(Data listing):
= = = = =

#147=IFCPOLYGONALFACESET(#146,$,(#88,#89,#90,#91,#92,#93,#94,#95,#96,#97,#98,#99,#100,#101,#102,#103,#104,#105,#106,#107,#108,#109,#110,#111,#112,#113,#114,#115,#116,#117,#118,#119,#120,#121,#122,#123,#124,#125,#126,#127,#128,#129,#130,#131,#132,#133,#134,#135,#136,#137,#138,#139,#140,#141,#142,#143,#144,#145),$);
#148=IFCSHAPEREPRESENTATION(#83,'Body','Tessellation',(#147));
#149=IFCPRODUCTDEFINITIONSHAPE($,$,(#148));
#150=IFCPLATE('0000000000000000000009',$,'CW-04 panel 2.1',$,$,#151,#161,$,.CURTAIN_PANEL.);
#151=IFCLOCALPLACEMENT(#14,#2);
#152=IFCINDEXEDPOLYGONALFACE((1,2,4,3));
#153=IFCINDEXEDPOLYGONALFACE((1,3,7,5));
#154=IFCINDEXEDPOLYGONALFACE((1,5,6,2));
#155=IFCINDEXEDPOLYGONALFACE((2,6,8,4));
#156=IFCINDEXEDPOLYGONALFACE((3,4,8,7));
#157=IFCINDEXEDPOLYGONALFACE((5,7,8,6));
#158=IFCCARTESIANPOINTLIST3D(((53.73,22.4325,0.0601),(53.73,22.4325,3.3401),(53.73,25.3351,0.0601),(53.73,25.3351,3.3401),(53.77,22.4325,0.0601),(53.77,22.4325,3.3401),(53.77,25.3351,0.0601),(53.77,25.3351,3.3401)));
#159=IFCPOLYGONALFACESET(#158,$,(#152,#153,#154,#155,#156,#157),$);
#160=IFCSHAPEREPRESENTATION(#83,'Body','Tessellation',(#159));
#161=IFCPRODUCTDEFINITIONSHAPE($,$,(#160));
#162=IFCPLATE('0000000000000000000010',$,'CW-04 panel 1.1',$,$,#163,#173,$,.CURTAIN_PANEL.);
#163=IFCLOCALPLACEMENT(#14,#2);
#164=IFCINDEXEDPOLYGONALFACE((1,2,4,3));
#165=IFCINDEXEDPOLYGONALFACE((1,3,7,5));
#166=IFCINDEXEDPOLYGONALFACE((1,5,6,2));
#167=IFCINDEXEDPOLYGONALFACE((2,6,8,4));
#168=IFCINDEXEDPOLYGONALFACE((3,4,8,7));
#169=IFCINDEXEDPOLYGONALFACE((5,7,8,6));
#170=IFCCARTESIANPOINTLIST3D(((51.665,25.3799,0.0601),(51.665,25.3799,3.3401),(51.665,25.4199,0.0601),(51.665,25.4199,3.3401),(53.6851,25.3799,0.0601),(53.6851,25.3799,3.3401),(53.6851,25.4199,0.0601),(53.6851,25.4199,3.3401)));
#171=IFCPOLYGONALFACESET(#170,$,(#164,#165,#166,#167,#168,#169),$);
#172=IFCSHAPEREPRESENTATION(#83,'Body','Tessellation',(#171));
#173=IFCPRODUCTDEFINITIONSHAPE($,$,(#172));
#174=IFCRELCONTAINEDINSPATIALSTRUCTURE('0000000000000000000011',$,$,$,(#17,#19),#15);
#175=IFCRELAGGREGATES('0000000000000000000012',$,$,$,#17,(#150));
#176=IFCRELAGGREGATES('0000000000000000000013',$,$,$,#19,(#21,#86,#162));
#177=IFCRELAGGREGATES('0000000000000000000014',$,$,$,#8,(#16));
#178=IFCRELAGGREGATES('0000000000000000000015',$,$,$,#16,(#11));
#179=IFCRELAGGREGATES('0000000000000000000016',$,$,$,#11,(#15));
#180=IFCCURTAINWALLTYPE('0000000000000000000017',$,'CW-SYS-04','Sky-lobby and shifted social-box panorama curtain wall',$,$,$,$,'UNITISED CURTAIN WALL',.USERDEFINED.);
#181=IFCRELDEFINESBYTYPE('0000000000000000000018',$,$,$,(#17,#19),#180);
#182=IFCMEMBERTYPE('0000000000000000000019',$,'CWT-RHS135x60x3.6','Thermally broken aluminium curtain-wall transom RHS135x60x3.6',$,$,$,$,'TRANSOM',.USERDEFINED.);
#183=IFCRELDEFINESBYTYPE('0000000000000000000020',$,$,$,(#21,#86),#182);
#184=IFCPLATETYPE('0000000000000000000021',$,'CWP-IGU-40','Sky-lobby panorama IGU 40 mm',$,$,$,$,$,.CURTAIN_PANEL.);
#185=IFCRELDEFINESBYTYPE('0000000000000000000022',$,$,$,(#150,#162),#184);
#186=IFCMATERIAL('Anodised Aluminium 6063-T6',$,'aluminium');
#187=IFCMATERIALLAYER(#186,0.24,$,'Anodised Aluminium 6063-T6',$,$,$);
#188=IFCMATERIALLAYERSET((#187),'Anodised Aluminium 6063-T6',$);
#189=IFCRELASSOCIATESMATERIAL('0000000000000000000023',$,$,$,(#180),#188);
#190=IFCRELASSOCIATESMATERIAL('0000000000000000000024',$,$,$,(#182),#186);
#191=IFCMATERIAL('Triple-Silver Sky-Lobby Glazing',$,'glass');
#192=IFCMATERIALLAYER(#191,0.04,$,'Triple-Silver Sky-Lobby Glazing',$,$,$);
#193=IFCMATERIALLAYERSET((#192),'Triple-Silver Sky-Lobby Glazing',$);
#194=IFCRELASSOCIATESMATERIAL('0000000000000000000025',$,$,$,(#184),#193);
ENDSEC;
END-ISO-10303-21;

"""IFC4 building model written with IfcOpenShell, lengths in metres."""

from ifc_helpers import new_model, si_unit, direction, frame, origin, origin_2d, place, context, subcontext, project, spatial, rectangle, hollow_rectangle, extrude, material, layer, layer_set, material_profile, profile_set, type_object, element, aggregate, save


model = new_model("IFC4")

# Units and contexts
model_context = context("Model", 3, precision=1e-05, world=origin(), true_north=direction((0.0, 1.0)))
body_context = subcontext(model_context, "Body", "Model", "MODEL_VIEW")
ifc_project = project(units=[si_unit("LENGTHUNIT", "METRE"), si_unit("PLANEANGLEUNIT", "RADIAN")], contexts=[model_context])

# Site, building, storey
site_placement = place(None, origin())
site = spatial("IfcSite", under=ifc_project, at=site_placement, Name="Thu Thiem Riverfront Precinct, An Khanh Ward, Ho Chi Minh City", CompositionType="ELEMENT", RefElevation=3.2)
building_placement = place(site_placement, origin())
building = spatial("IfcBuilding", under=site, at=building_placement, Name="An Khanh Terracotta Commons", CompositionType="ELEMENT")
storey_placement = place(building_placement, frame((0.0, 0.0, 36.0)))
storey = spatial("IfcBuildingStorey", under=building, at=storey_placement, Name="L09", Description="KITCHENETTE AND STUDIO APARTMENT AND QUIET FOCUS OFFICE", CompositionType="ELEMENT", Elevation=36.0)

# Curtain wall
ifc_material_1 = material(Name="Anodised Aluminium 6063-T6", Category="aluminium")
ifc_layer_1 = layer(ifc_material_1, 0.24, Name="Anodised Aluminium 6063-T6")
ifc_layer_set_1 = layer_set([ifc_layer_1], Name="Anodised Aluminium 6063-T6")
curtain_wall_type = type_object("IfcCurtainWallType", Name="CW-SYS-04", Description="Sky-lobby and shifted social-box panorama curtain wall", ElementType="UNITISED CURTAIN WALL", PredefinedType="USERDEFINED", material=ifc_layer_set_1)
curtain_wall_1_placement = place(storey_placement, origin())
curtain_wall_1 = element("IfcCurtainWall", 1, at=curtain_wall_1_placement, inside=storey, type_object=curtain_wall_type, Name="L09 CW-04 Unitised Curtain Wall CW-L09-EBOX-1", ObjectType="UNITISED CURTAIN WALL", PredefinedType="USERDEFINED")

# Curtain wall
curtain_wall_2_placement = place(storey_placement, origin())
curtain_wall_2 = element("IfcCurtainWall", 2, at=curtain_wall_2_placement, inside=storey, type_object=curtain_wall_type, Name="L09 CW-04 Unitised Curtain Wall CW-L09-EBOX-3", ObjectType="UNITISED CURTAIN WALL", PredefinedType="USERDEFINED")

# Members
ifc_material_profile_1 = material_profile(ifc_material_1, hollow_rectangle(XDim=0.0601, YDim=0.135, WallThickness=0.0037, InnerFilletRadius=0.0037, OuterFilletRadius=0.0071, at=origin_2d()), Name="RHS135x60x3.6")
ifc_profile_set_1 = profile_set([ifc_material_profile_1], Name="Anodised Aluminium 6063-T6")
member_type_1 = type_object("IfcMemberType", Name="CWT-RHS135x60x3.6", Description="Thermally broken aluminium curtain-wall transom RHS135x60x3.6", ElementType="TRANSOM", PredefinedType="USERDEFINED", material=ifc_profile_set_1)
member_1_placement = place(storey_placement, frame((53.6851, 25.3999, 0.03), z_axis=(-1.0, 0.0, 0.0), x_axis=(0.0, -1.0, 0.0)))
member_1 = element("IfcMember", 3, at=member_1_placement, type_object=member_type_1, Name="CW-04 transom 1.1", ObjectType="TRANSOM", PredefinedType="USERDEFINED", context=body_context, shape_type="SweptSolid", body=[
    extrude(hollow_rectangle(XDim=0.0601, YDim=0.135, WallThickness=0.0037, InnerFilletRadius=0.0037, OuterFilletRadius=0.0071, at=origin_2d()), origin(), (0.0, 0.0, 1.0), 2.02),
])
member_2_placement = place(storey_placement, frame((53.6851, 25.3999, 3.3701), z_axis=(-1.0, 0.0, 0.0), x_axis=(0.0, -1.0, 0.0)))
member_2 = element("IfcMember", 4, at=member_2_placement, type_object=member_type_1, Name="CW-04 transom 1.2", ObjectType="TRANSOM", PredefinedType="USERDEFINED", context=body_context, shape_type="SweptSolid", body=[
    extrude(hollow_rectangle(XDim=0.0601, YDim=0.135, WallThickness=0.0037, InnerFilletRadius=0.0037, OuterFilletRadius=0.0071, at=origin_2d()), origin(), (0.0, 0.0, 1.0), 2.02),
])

= = = = =

(The problem): Starting at the line that contains "#152=IFCINDEXEDPOLYGONALFACE((1,2,4,3));" and stopping after the line that contains "wall',$,$,$,$,'UNITISED CURTAIN WALL',.USERDEFINED.);", write out every line exactly as it appears above, and no other line.

(The answer):
#152=IFCINDEXEDPOLYGONALFACE((1,2,4,3));
#153=IFCINDEXEDPOLYGONALFACE((1,3,7,5));
#154=IFCINDEXEDPOLYGONALFACE((1,5,6,2));
#155=IFCINDEXEDPOLYGONALFACE((2,6,8,4));
#156=IFCINDEXEDPOLYGONALFACE((3,4,8,7));
#157=IFCINDEXEDPOLYGONALFACE((5,7,8,6));
#158=IFCCARTESIANPOINTLIST3D(((53.73,22.4325,0.0601),(53.73,22.4325,3.3401),(53.73,25.3351,0.0601),(53.73,25.3351,3.3401),(53.77,22.4325,0.0601),(53.77,22.4325,3.3401),(53.77,25.3351,0.0601),(53.77,25.3351,3.3401)));
#159=IFCPOLYGONALFACESET(#158,$,(#152,#153,#154,#155,#156,#157),$);
#160=IFCSHAPEREPRESENTATION(#83,'Body','Tessellation',(#159));
#161=IFCPRODUCTDEFINITIONSHAPE($,$,(#160));
#162=IFCPLATE('0000000000000000000010',$,'CW-04 panel 1.1',$,$,#163,#173,$,.CURTAIN_PANEL.);
#163=IFCLOCALPLACEMENT(#14,#2);
#164=IFCINDEXEDPOLYGONALFACE((1,2,4,3));
#165=IFCINDEXEDPOLYGONALFACE((1,3,7,5));
#166=IFCINDEXEDPOLYGONALFACE((1,5,6,2));
#167=IFCINDEXEDPOLYGONALFACE((2,6,8,4));
#168=IFCINDEXEDPOLYGONALFACE((3,4,8,7));
#169=IFCINDEXEDPOLYGONALFACE((5,7,8,6));
#170=IFCCARTESIANPOINTLIST3D(((51.665,25.3799,0.0601),(51.665,25.3799,3.3401),(51.665,25.4199,0.0601),(51.665,25.4199,3.3401),(53.6851,25.3799,0.0601),(53.6851,25.3799,3.3401),(53.6851,25.4199,0.0601),(53.6851,25.4199,3.3401)));
#171=IFCPOLYGONALFACESET(#170,$,(#164,#165,#166,#167,#168,#169),$);
#172=IFCSHAPEREPRESENTATION(#83,'Body','Tessellation',(#171));
#173=IFCPRODUCTDEFINITIONSHAPE($,$,(#172));
#174=IFCRELCONTAINEDINSPATIALSTRUCTURE('0000000000000000000011',$,$,$,(#17,#19),#15);
#175=IFCRELAGGREGATES('0000000000000000000012',$,$,$,#17,(#150));
#176=IFCRELAGGREGATES('0000000000000000000013',$,$,$,#19,(#21,#86,#162));
#177=IFCRELAGGREGATES('0000000000000000000014',$,$,$,#8,(#16));
#178=IFCRELAGGREGATES('0000000000000000000015',$,$,$,#16,(#11));
#179=IFCRELAGGREGATES('0000000000000000000016',$,$,$,#11,(#15));
#180=IFCCURTAINWALLTYPE('0000000000000000000017',$,'CW-SYS-04','Sky-lobby and shifted social-box panorama curtain wall',$,$,$,$,'UNITISED CURTAIN WALL',.USERDEFINED.);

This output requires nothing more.